- _TASK TO CARRY OUT_
Count up the lines in the following listing that hold the word "Radius", then give only that count.

- _RECORD EXTRACTS_
>>

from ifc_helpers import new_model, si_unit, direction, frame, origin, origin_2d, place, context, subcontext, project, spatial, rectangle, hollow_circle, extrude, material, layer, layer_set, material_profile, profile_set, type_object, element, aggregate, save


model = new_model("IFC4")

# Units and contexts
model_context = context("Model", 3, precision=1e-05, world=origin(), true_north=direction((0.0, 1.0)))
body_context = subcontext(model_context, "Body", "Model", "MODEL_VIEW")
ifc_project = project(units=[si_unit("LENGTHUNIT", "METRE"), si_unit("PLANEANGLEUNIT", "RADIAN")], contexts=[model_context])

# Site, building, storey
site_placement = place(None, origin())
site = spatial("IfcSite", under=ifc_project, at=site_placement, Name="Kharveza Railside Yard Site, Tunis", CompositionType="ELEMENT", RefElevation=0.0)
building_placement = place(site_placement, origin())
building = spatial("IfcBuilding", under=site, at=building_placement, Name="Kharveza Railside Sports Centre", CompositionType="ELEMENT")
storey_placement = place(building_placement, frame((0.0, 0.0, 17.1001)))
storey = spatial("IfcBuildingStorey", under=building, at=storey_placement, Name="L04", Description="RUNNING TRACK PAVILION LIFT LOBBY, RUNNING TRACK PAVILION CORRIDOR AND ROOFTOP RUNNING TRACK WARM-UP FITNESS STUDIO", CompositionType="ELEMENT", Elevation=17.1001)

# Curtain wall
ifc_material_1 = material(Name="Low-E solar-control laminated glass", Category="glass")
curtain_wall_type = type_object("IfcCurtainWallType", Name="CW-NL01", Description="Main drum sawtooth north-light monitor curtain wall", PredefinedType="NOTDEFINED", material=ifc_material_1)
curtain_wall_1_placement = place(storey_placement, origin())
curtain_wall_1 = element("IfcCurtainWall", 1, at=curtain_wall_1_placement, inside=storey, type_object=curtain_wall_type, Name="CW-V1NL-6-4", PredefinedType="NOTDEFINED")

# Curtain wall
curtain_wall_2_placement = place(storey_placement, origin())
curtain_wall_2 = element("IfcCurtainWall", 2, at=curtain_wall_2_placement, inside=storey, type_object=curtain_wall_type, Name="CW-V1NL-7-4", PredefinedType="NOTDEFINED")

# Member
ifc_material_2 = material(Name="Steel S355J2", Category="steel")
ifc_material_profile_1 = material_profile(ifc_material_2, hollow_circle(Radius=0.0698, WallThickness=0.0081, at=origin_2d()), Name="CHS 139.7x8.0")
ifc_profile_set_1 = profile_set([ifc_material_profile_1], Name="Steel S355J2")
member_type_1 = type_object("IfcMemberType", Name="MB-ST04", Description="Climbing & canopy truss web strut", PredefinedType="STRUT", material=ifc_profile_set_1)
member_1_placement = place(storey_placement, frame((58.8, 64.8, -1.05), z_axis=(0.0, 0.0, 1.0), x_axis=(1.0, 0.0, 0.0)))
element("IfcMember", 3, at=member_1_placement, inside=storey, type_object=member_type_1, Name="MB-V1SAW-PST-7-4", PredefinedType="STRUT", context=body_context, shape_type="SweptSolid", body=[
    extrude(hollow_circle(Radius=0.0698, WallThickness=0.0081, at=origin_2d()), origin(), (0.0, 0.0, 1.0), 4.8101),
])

<<

- _EXERCISE RESPONSE_
2